● **PROBLEM STATEMENT**
Using the records below, quote only the span that opens with the line containing "#149=IFCLOCALPLACEMENT(#14,#2);" and closes with the line containing "#160=IFCWALL('0000000000000000000015',$,'L55 Interior Wall", exactly and inclusively.

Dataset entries

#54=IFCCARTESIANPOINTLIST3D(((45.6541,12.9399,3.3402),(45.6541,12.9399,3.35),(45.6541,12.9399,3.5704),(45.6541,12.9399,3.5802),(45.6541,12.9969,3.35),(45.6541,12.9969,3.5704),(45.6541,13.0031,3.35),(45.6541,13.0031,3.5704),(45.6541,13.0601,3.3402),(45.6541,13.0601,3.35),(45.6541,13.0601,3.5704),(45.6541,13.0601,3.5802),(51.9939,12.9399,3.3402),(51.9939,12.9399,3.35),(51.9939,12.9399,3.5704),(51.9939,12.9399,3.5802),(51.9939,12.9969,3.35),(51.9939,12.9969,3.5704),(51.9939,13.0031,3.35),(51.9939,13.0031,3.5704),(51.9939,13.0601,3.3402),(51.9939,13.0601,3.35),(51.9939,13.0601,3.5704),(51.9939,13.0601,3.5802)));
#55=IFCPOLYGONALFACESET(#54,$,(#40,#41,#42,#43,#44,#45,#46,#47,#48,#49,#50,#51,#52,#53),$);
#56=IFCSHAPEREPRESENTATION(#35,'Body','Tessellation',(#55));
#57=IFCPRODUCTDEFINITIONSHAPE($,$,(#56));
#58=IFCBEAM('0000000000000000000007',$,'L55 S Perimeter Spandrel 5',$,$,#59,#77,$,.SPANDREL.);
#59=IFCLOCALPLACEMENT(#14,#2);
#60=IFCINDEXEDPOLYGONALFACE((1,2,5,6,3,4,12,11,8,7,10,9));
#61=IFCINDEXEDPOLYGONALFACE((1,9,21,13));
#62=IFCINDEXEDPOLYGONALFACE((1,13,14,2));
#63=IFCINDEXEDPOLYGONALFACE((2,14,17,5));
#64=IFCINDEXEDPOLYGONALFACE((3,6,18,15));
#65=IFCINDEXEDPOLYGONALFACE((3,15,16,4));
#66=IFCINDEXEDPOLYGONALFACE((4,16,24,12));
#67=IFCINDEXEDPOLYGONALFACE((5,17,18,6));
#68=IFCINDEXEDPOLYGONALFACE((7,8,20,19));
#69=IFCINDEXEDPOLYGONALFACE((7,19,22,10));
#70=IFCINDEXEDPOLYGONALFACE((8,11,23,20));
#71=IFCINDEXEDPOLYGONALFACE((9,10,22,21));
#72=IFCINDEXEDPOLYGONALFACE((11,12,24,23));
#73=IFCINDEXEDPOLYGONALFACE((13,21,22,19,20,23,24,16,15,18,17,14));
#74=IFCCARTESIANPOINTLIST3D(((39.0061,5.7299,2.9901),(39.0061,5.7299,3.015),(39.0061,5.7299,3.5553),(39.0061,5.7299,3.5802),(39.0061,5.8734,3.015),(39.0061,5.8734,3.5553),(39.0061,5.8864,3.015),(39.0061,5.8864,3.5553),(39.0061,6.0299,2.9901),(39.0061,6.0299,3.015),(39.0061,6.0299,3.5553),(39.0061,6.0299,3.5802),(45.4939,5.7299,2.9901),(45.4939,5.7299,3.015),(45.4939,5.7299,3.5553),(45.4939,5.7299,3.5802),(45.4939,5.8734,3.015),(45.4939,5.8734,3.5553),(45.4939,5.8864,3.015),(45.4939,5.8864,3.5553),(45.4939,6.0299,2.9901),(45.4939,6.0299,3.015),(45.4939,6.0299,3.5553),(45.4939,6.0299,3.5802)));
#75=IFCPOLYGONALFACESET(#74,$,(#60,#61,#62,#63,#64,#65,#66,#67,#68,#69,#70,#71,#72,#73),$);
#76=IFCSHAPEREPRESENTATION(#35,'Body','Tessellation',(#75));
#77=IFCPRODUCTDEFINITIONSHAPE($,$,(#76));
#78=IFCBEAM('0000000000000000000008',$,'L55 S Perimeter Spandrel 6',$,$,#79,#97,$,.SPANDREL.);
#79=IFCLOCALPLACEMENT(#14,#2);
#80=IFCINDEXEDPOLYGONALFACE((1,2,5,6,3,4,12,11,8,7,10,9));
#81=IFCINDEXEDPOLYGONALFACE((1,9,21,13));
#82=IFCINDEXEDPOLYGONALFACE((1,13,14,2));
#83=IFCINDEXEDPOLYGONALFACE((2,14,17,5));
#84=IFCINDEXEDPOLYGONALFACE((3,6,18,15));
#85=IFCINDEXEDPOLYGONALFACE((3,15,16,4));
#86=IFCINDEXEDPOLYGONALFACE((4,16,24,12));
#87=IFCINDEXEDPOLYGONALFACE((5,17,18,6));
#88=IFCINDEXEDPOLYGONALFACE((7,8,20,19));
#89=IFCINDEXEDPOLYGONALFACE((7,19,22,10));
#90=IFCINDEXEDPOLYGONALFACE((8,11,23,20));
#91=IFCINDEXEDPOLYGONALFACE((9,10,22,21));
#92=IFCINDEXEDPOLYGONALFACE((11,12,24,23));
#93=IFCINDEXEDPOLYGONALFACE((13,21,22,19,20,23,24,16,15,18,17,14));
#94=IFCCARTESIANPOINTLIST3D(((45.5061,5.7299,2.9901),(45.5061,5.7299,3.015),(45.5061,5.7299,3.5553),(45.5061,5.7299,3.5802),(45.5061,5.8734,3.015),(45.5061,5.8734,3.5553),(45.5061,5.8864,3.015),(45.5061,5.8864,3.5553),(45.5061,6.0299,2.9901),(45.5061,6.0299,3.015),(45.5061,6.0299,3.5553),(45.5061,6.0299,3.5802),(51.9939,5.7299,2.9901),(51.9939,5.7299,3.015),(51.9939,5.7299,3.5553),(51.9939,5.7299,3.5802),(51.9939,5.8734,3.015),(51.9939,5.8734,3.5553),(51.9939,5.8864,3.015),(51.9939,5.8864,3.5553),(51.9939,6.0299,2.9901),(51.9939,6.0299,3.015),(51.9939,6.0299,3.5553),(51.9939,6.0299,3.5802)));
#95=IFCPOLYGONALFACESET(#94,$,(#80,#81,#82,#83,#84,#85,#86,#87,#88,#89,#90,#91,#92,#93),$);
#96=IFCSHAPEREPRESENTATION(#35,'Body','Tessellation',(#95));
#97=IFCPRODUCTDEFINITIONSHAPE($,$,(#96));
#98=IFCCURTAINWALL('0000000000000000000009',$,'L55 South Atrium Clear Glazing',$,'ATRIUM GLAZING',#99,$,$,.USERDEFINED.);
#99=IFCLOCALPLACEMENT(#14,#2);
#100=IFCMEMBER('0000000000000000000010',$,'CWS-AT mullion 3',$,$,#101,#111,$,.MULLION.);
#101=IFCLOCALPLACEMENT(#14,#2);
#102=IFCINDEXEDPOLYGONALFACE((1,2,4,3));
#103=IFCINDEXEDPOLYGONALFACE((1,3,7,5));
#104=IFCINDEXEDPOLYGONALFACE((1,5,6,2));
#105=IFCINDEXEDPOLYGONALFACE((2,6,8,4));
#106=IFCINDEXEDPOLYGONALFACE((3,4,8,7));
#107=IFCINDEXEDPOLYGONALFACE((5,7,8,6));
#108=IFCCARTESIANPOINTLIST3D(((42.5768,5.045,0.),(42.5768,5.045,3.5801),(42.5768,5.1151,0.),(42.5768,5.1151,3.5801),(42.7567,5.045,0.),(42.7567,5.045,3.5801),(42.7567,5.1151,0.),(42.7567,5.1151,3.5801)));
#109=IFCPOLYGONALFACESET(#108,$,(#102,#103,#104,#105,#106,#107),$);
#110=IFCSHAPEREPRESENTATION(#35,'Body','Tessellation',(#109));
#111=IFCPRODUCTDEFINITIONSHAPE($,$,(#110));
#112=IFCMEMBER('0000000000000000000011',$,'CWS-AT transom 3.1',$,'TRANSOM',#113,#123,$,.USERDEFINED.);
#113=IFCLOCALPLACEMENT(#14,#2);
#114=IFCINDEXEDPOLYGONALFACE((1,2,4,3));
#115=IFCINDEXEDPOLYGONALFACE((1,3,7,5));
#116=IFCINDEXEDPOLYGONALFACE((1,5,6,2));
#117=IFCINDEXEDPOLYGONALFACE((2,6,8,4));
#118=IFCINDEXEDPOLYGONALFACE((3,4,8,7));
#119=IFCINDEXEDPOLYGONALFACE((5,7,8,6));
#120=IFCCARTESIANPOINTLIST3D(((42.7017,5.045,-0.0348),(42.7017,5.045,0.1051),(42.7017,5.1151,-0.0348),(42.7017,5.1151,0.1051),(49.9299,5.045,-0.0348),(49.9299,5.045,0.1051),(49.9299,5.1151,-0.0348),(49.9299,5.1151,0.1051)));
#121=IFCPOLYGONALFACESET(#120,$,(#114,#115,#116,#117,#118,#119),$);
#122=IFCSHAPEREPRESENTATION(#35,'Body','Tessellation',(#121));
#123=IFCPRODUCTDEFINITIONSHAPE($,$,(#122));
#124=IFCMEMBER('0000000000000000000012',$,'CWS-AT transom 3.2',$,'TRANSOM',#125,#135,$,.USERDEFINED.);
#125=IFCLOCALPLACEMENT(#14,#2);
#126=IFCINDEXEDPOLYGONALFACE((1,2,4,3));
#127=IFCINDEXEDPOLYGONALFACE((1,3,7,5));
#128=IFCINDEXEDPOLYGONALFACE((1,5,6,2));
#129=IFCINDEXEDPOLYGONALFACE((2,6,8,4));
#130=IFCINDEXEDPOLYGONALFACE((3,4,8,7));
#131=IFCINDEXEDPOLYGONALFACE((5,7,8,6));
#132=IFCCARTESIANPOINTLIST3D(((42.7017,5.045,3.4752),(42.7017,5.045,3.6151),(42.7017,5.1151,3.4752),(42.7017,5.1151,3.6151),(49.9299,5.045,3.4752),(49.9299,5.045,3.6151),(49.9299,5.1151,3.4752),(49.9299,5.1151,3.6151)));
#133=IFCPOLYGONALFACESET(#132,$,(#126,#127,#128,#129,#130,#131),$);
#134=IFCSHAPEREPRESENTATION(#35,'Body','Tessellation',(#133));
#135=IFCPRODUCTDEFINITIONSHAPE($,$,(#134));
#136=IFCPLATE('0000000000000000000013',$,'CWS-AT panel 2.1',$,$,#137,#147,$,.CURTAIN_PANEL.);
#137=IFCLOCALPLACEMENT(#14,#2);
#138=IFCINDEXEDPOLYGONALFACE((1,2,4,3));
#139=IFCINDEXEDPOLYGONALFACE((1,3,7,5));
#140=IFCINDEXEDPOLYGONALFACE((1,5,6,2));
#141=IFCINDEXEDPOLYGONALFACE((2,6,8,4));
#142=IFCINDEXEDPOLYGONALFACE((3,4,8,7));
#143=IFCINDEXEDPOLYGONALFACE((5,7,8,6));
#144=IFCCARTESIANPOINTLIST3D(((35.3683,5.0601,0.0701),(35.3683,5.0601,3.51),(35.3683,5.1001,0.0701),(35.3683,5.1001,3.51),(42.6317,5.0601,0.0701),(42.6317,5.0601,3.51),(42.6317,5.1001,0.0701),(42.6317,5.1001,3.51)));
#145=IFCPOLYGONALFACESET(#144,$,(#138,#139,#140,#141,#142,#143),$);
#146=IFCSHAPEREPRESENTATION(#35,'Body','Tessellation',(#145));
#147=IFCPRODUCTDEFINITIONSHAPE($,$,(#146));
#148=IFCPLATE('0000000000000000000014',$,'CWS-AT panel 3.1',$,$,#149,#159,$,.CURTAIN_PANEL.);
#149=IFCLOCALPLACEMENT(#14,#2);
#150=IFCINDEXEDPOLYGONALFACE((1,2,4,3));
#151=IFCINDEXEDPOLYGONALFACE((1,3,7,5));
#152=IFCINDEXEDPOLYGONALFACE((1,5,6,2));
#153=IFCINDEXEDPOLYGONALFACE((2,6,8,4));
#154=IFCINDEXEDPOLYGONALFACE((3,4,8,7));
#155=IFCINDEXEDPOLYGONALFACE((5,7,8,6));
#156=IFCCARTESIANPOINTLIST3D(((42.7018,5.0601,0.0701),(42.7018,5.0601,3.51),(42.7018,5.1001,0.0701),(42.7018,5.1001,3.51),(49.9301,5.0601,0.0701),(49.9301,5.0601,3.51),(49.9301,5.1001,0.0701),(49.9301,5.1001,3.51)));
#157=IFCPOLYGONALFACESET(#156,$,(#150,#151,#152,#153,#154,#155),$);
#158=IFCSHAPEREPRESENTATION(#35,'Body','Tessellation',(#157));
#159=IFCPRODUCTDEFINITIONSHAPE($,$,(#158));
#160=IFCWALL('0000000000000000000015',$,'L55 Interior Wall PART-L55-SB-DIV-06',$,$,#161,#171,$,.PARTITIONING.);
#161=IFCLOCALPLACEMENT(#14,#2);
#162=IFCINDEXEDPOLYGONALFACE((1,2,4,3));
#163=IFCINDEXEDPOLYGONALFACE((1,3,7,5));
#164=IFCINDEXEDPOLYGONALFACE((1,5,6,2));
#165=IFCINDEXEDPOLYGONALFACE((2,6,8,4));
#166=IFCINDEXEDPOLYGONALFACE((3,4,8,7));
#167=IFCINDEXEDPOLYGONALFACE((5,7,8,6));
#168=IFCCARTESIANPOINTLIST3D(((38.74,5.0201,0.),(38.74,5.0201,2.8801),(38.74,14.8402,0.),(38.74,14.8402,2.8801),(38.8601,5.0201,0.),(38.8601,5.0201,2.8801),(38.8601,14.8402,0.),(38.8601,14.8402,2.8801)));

● **PROBLEM SOLUTION**
#149=IFCLOCALPLACEMENT(#14,#2);
#150=IFCINDEXEDPOLYGONALFACE((1,2,4,3));
#151=IFCINDEXEDPOLYGONALFACE((1,3,7,5));
#152=IFCINDEXEDPOLYGONALFACE((1,5,6,2));
#153=IFCINDEXEDPOLYGONALFACE((2,6,8,4));
#154=IFCINDEXEDPOLYGONALFACE((3,4,8,7));
#155=IFCINDEXEDPOLYGONALFACE((5,7,8,6));
#156=IFCCARTESIANPOINTLIST3D(((42.7018,5.0601,0.0701),(42.7018,5.0601,3.51),(42.7018,5.1001,0.0701),(42.7018,5.1001,3.51),(49.9301,5.0601,0.0701),(49.9301,5.0601,3.51),(49.9301,5.1001,0.0701),(49.9301,5.1001,3.51)));
#157=IFCPOLYGONALFACESET(#156,$,(#150,#151,#152,#153,#154,#155),$);
#158=IFCSHAPEREPRESENTATION(#35,'Body','Tessellation',(#157));
#159=IFCPRODUCTDEFINITIONSHAPE($,$,(#158));
#160=IFCWALL('0000000000000000000015',$,'L55 Interior Wall PART-L55-SB-DIV-06',$,$,#161,#171,$,.PARTITIONING.);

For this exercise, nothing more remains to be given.